Nothing but the lines below between the line holding "# Site, building, storey" and the line holding "building_placement = place(site_placement, origin())", inclusive, should appear in the answer, each set down exactly.

*** Provided records ***

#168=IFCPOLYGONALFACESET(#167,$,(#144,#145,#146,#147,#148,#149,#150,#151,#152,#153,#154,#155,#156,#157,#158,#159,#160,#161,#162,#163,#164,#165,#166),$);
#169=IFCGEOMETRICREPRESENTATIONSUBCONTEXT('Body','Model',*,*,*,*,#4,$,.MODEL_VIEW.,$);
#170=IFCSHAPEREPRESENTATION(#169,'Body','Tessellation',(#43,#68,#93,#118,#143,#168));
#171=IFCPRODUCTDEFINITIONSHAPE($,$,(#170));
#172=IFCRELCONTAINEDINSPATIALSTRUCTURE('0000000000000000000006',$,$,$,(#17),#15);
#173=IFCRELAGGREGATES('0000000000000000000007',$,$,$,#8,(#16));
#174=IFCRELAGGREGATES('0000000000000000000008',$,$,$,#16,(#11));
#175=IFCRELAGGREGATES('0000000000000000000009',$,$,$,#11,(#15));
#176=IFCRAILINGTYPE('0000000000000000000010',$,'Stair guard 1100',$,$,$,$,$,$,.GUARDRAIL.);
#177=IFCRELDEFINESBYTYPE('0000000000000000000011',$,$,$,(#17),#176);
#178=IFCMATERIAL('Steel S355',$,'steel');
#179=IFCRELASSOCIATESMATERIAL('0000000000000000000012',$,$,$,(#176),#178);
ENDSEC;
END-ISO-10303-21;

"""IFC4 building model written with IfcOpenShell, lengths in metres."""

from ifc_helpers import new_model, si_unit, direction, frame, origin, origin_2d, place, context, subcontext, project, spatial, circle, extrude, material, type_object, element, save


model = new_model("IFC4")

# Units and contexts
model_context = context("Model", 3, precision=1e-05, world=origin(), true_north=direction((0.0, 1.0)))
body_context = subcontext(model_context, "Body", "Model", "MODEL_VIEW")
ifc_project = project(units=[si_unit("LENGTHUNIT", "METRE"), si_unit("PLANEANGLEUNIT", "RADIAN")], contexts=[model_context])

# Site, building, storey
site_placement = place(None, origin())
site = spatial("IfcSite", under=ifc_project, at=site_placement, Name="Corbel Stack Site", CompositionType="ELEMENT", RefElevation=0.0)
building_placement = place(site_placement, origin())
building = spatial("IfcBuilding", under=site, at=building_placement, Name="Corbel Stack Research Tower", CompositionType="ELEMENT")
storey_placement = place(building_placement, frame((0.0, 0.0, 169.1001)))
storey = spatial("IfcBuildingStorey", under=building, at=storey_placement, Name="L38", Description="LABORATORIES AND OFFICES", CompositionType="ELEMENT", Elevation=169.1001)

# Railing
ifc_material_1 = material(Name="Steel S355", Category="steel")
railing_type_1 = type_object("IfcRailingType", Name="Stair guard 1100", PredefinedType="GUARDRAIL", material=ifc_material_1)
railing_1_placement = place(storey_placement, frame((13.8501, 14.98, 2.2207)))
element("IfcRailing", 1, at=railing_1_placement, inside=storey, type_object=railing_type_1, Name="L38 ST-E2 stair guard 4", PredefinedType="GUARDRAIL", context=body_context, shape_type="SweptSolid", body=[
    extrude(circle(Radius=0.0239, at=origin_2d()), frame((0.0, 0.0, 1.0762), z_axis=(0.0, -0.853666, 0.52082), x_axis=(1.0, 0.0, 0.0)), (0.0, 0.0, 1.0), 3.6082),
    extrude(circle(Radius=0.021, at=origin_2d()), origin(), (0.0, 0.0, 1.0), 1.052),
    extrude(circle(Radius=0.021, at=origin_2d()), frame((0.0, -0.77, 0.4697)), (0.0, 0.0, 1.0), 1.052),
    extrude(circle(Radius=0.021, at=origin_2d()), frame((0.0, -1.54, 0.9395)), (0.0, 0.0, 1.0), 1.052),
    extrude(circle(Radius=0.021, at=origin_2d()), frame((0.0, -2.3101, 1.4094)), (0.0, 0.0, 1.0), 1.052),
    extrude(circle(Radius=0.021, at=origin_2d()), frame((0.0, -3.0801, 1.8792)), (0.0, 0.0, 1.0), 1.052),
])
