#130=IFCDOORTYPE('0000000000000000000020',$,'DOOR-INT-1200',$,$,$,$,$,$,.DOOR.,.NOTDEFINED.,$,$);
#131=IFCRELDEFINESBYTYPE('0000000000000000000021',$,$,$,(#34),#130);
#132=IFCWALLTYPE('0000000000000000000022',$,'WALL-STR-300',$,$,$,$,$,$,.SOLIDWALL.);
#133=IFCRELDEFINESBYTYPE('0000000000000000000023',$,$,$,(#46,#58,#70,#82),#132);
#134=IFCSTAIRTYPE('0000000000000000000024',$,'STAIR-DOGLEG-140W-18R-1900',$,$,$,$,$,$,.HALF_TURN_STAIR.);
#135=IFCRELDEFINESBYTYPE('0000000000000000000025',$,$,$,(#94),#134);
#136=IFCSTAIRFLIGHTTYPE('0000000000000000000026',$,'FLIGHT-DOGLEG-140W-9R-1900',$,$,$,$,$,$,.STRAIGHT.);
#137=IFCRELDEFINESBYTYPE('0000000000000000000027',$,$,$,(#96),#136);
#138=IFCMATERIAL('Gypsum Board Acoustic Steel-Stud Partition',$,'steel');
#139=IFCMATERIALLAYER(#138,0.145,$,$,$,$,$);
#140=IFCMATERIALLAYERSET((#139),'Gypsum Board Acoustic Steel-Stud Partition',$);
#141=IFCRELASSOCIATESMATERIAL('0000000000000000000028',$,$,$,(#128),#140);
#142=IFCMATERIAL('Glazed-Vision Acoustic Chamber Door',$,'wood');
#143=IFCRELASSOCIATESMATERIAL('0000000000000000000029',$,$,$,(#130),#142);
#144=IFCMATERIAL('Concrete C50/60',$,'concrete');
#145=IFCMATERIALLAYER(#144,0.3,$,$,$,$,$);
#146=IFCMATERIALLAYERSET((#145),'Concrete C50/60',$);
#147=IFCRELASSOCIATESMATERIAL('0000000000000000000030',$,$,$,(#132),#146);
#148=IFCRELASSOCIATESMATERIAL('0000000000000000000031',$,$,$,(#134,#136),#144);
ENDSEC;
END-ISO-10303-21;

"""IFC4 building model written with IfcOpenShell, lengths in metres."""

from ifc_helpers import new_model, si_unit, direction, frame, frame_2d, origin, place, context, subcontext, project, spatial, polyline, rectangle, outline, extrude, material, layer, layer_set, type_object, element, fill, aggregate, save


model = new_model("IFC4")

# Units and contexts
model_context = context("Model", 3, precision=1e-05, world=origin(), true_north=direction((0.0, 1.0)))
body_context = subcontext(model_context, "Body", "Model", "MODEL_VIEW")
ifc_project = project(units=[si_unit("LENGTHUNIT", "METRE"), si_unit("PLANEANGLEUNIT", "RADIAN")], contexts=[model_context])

***

**Answer area**
# Site, building, storey
site_placement = place(None, origin())
site = spatial("IfcSite", under=ifc_project, at=site_placement, Name="Corbel Stack Site", CompositionType="ELEMENT", RefElevation=0.0)
building_placement = place(site_placement, origin())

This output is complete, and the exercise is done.